Assigned task>
Retype, exactly as they appear below, the lines between the line holding "LINK GALLERY HALL',.ELEMENT.,15.);" and the line holding "#40=IFCINDEXEDPOLYGONALFACE((37,39,42,41));", both ends included.

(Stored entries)

════════

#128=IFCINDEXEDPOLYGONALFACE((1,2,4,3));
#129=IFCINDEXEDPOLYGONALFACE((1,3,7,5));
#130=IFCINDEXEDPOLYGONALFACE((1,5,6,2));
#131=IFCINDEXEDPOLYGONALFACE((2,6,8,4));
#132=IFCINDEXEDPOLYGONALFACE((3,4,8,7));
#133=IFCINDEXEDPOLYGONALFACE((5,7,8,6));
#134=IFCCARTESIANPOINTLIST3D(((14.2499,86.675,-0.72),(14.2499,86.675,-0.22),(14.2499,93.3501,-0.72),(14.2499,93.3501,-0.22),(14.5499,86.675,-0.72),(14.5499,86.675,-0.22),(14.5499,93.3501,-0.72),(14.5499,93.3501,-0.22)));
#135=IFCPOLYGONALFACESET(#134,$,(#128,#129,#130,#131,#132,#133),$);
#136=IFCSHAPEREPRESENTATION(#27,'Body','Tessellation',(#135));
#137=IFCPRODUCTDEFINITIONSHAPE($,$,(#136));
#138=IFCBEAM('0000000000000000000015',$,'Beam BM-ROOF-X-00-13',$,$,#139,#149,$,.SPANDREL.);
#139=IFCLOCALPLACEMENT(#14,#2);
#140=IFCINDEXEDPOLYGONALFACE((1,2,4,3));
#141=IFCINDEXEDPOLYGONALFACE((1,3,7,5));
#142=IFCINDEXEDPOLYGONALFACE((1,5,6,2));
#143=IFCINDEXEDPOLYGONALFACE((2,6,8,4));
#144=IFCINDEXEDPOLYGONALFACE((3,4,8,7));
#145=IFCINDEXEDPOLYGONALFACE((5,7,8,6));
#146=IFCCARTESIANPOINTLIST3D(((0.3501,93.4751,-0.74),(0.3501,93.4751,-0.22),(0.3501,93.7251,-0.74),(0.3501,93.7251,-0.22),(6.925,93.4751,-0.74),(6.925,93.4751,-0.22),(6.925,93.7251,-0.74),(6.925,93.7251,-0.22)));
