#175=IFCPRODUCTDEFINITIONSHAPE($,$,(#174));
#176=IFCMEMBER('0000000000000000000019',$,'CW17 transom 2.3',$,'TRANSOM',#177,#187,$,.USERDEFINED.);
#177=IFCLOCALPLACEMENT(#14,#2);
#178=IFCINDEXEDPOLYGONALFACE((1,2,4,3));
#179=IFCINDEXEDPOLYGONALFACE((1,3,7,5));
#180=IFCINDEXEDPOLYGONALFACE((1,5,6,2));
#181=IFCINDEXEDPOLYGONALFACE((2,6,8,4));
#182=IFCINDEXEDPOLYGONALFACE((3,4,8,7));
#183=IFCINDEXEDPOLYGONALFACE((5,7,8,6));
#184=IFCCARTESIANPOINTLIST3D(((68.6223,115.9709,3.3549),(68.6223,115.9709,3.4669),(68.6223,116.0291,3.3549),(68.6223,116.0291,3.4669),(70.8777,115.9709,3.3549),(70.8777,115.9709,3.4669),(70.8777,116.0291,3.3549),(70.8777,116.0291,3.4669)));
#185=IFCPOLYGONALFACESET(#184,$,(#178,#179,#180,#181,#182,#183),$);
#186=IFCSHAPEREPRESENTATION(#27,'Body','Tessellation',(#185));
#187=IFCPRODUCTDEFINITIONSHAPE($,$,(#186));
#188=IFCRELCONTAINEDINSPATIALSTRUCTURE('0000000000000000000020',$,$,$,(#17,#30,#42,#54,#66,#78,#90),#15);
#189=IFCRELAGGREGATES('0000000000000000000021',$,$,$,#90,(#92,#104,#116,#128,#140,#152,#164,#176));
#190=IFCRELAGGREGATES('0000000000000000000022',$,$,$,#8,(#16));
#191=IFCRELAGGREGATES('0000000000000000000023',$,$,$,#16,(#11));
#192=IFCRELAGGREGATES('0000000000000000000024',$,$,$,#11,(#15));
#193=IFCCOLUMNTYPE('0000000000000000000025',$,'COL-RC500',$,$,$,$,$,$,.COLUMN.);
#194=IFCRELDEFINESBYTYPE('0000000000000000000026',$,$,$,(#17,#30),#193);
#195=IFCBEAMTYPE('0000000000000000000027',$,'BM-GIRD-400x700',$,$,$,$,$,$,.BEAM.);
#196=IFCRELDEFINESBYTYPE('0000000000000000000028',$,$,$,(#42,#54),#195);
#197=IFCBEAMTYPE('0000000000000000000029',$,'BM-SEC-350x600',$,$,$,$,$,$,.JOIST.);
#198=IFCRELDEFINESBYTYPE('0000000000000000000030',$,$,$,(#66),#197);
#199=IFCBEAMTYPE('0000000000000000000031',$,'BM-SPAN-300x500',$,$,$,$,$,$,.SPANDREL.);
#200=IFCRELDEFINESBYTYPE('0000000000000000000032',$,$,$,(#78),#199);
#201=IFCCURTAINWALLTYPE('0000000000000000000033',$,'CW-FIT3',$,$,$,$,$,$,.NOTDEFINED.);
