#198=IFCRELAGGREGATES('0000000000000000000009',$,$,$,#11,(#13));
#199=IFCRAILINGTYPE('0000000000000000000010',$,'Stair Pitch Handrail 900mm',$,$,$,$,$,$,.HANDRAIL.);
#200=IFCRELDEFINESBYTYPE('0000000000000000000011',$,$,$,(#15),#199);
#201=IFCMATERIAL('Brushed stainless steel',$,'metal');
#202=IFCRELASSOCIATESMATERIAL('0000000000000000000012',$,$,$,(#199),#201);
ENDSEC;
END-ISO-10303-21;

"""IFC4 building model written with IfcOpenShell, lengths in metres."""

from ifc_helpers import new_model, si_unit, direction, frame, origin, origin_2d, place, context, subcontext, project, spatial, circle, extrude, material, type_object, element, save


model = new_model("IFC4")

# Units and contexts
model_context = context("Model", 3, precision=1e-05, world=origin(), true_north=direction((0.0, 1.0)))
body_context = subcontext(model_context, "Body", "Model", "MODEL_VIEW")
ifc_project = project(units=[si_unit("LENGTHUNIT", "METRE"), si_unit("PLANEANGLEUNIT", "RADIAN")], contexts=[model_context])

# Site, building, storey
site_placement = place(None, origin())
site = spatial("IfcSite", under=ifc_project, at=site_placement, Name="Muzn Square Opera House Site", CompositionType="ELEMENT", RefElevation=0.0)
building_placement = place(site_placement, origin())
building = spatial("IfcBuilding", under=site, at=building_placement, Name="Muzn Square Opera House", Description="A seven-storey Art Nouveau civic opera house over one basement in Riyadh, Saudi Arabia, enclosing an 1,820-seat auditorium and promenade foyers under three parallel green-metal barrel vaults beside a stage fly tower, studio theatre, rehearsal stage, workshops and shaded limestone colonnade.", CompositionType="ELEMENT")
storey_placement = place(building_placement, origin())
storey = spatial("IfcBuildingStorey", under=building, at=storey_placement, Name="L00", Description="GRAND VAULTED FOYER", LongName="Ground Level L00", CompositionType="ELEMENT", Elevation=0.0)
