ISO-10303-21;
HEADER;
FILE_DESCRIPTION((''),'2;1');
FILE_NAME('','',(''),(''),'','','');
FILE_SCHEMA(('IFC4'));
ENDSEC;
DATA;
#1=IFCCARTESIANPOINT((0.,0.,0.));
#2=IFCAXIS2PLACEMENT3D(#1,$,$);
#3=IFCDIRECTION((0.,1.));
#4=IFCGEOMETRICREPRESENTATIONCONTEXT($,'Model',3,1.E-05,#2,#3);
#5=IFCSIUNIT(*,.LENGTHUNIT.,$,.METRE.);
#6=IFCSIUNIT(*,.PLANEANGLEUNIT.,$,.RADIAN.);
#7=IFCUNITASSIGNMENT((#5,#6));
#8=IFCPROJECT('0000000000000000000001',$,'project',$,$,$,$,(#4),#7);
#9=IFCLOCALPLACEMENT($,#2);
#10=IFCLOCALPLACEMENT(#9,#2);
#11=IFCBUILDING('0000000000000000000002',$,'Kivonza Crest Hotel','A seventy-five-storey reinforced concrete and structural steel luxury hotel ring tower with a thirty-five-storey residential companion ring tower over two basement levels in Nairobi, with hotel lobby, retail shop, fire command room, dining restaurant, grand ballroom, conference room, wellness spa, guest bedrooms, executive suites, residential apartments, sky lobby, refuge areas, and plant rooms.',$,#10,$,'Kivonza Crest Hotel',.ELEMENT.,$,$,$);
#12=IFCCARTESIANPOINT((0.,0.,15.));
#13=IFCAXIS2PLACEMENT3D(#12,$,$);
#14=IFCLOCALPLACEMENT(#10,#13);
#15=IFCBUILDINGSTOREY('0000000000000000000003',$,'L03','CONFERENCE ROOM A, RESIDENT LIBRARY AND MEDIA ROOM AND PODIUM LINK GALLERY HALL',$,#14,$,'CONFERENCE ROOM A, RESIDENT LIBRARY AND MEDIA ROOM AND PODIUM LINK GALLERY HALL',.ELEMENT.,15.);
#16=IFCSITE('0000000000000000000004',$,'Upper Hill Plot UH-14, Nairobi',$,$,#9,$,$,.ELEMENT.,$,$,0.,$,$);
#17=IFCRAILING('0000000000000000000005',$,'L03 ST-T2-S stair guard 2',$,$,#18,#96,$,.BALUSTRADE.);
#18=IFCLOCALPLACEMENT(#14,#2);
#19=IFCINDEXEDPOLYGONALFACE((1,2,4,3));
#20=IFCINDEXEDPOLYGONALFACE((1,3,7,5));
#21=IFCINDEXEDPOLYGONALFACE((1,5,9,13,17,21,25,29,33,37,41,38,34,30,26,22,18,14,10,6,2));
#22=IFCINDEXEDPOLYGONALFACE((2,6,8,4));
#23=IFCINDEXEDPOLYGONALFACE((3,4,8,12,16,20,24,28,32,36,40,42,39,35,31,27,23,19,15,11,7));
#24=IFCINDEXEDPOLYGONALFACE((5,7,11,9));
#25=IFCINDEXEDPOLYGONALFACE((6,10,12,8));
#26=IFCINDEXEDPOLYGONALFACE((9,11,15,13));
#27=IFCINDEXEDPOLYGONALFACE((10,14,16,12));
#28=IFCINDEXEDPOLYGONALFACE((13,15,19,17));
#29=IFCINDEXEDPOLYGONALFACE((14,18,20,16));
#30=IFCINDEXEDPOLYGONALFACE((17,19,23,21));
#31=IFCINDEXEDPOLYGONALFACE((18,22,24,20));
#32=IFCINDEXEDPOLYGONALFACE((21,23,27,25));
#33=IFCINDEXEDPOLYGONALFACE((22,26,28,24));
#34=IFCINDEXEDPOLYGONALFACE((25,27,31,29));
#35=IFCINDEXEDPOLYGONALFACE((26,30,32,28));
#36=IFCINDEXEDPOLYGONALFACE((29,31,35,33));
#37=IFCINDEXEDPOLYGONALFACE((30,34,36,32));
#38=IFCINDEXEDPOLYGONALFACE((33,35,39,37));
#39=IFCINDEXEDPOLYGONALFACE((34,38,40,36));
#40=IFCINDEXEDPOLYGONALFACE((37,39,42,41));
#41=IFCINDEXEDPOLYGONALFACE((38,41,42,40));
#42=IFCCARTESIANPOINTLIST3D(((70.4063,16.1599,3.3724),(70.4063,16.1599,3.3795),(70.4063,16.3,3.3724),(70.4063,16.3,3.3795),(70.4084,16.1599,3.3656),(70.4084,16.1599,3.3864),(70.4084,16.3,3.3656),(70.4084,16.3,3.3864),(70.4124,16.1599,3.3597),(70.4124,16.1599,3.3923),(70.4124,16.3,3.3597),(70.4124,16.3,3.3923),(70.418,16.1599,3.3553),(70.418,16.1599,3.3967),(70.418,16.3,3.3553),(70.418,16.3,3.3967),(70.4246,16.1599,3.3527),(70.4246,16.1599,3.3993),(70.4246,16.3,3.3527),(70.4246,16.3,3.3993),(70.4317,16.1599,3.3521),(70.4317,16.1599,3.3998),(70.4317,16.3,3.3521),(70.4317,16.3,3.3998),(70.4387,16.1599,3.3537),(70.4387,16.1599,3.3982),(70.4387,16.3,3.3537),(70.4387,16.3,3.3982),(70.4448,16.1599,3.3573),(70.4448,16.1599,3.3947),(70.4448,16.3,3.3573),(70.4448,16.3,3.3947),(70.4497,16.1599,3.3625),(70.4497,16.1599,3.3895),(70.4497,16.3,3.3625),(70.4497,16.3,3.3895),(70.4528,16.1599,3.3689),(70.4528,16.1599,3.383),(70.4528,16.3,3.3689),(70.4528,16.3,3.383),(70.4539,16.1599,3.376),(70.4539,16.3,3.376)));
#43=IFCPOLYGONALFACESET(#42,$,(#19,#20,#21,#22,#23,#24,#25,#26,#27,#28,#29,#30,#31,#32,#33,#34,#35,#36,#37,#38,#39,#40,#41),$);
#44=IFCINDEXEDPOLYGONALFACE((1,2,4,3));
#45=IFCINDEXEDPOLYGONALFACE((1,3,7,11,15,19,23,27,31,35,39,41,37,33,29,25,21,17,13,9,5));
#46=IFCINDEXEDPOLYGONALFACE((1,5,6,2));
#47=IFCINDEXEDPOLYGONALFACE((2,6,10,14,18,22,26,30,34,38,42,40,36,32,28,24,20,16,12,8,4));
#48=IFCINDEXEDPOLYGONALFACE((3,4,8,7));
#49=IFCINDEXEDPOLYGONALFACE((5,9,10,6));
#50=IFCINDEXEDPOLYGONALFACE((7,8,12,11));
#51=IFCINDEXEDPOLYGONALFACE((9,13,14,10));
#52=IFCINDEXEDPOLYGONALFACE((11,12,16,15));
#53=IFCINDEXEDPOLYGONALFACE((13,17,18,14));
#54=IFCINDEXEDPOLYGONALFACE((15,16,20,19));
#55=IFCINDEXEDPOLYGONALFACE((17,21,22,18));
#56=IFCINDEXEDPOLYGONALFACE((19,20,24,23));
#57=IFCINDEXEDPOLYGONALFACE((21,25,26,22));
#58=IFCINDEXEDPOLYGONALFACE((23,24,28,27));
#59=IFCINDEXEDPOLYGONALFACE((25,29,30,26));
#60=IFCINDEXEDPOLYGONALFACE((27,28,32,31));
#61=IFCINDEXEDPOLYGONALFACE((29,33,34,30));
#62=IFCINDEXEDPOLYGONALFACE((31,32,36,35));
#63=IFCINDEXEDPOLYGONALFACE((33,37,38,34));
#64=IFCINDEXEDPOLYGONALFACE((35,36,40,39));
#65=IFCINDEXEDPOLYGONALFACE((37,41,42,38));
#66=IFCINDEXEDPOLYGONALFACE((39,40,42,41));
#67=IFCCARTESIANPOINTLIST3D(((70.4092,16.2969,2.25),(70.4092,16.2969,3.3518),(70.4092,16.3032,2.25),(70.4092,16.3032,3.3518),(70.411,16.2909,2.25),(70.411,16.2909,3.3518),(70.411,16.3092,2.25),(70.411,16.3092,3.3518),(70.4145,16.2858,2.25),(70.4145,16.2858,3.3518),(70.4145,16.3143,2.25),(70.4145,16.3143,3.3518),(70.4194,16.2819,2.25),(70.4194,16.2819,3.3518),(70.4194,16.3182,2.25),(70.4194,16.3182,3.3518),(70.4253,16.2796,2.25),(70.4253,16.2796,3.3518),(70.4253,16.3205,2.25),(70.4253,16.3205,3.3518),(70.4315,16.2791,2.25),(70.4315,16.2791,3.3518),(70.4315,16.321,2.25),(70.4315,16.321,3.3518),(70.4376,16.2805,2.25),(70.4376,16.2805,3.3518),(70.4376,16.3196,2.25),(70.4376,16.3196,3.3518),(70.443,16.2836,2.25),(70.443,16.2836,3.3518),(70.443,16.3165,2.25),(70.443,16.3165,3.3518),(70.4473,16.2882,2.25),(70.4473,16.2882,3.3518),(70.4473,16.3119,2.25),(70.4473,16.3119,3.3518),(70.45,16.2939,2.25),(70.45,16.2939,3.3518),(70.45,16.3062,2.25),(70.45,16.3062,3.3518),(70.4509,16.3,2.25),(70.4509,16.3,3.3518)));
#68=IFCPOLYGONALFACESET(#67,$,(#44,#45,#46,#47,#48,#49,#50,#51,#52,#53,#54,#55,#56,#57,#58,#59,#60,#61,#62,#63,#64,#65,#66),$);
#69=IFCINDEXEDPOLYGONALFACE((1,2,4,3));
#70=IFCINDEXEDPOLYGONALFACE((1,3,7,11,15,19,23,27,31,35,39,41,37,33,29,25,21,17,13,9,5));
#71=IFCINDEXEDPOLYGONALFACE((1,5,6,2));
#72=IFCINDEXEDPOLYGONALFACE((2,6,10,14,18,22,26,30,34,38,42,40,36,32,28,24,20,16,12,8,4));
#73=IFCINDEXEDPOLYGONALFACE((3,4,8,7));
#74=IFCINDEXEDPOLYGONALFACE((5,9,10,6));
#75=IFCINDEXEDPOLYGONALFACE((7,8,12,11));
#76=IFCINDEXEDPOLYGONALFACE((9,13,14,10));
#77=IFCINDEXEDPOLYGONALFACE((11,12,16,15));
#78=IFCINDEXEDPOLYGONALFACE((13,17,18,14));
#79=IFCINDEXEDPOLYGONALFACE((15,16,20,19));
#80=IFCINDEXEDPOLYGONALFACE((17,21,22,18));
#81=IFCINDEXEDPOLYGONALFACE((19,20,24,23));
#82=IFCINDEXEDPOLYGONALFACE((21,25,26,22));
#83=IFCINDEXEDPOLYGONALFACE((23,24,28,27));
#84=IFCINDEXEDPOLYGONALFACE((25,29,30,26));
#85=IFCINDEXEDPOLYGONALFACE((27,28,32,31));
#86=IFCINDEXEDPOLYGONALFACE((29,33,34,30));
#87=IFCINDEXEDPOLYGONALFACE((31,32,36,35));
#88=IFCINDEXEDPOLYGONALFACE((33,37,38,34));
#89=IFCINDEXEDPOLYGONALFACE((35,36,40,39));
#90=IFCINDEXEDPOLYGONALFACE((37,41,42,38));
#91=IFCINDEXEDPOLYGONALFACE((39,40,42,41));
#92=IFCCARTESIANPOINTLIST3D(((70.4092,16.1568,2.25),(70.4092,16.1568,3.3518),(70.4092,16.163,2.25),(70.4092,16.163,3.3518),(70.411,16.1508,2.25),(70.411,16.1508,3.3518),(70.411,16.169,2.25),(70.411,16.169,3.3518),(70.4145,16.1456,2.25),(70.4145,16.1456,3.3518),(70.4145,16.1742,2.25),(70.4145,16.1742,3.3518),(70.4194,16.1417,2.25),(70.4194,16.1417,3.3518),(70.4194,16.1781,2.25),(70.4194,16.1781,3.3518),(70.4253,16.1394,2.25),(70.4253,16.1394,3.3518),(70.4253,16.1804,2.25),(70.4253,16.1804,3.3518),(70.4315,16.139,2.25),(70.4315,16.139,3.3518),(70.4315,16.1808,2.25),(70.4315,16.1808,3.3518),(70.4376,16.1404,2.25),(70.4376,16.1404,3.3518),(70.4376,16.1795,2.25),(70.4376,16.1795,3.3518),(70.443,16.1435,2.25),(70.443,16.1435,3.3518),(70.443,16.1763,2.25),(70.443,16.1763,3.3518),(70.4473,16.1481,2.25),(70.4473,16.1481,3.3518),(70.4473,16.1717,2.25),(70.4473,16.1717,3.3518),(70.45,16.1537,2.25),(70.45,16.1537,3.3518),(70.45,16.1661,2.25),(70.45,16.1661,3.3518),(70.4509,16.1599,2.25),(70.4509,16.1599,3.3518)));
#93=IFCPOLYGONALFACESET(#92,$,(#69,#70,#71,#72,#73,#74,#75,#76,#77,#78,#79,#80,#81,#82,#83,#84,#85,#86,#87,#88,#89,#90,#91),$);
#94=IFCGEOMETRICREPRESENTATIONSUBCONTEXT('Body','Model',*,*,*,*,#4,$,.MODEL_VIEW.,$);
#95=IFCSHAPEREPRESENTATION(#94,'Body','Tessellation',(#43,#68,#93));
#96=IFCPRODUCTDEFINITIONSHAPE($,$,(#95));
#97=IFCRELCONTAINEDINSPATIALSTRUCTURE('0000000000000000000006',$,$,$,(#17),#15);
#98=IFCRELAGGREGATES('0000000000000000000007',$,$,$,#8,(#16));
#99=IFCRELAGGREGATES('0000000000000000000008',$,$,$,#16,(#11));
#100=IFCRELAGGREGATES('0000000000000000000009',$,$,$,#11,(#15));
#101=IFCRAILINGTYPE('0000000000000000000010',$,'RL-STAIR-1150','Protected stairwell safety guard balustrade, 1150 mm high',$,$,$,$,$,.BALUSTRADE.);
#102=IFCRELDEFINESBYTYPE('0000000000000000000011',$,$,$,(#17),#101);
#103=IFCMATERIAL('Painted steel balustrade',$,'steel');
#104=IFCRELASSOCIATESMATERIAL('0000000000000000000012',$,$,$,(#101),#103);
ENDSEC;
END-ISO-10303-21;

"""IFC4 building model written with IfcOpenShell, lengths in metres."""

from ifc_helpers import new_model, si_unit, direction, frame, origin, origin_2d, place, context, subcontext, project, spatial, circle, extrude, material, type_object, element, save


model = new_model("IFC4")

# Units and contexts
model_context = context("Model", 3, precision=1e-05, world=origin(), true_north=direction((0.0, 1.0)))
body_context = subcontext(model_context, "Body", "Model", "MODEL_VIEW")
ifc_project = project(units=[si_unit("LENGTHUNIT", "METRE"), si_unit("PLANEANGLEUNIT", "RADIAN")], contexts=[model_context])

# Site, building, storey
site_placement = place(None, origin())
site = spatial("IfcSite", under=ifc_project, at=site_placement, Name="Upper Hill Plot UH-14, Nairobi", CompositionType="ELEMENT", RefElevation=0.0)
building_placement = place(site_placement, origin())
building = spatial("IfcBuilding", under=site, at=building_placement, Name="Kivonza Crest Hotel", Description="A seventy-five-storey reinforced concrete and structural steel luxury hotel ring tower with a thirty-five-storey residential companion ring tower over two basement levels in Nairobi, with hotel lobby, retail shop, fire command room, dining restaurant, grand ballroom, conference room, wellness spa, guest bedrooms, executive suites, residential apartments, sky lobby, refuge areas, and plant rooms.", LongName="Kivonza Crest Hotel", CompositionType="ELEMENT")
storey_placement = place(building_placement, frame((0.0, 0.0, 15.0)))
storey = spatial("IfcBuildingStorey", under=building, at=storey_placement, Name="L03", Description="CONFERENCE ROOM A, RESIDENT LIBRARY AND MEDIA ROOM AND PODIUM LINK GALLERY HALL", LongName="CONFERENCE ROOM A, RESIDENT LIBRARY AND MEDIA ROOM AND PODIUM LINK GALLERY HALL", CompositionType="ELEMENT", Elevation=15.0)

# Railing
ifc_material_1 = material(Name="Painted steel balustrade", Category="steel")
railing_type_1 = type_object("IfcRailingType", Name="RL-STAIR-1150", Description="Protected stairwell safety guard balustrade, 1150 mm high", PredefinedType="BALUSTRADE", material=ifc_material_1)
railing_1_placement = place(storey_placement, frame((70.4299, 16.3, 2.25)))
element("IfcRailing", 1, at=railing_1_placement, inside=storey, type_object=railing_type_1, Name="L03 ST-T2-S stair guard 2", PredefinedType="BALUSTRADE", context=body_context, shape_type="SweptSolid", body=[
    extrude(circle(Radius=0.0239, at=origin_2d()), frame((0.0, 0.0, 1.126), z_axis=(0.0, -1.0, 0.0), x_axis=(1.0, 0.0, 0.0)), (0.0, 0.0, 1.0), 0.1401),
    extrude(circle(Radius=0.021, at=origin_2d()), origin(), (0.0, 0.0, 1.0), 1.1018),
    extrude(circle(Radius=0.021, at=origin_2d()), frame((0.0, -0.1401, 0.0)), (0.0, 0.0, 1.0), 1.1018),
])

save(model, "model.ifc")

════════

Output>
#15=IFCBUILDINGSTOREY('0000000000000000000003',$,'L03','CONFERENCE ROOM A, RESIDENT LIBRARY AND MEDIA ROOM AND PODIUM LINK GALLERY HALL',$,#14,$,'CONFERENCE ROOM A, RESIDENT LIBRARY AND MEDIA ROOM AND PODIUM LINK GALLERY HALL',.ELEMENT.,15.);
#16=IFCSITE('0000000000000000000004',$,'Upper Hill Plot UH-14, Nairobi',$,$,#9,$,$,.ELEMENT.,$,$,0.,$,$);
#17=IFCRAILING('0000000000000000000005',$,'L03 ST-T2-S stair guard 2',$,$,#18,#96,$,.BALUSTRADE.);
#18=IFCLOCALPLACEMENT(#14,#2);
#19=IFCINDEXEDPOLYGONALFACE((1,2,4,3));
#20=IFCINDEXEDPOLYGONALFACE((1,3,7,5));
#21=IFCINDEXEDPOLYGONALFACE((1,5,9,13,17,21,25,29,33,37,41,38,34,30,26,22,18,14,10,6,2));
#22=IFCINDEXEDPOLYGONALFACE((2,6,8,4));
#23=IFCINDEXEDPOLYGONALFACE((3,4,8,12,16,20,24,28,32,36,40,42,39,35,31,27,23,19,15,11,7));
#24=IFCINDEXEDPOLYGONALFACE((5,7,11,9));
#25=IFCINDEXEDPOLYGONALFACE((6,10,12,8));
#26=IFCINDEXEDPOLYGONALFACE((9,11,15,13));
#27=IFCINDEXEDPOLYGONALFACE((10,14,16,12));
#28=IFCINDEXEDPOLYGONALFACE((13,15,19,17));
#29=IFCINDEXEDPOLYGONALFACE((14,18,20,16));
#30=IFCINDEXEDPOLYGONALFACE((17,19,23,21));
#31=IFCINDEXEDPOLYGONALFACE((18,22,24,20));
#32=IFCINDEXEDPOLYGONALFACE((21,23,27,25));
#33=IFCINDEXEDPOLYGONALFACE((22,26,28,24));
#34=IFCINDEXEDPOLYGONALFACE((25,27,31,29));
#35=IFCINDEXEDPOLYGONALFACE((26,30,32,28));
#36=IFCINDEXEDPOLYGONALFACE((29,31,35,33));
#37=IFCINDEXEDPOLYGONALFACE((30,34,36,32));
#38=IFCINDEXEDPOLYGONALFACE((33,35,39,37));
#39=IFCINDEXEDPOLYGONALFACE((34,38,40,36));
#40=IFCINDEXEDPOLYGONALFACE((37,39,42,41));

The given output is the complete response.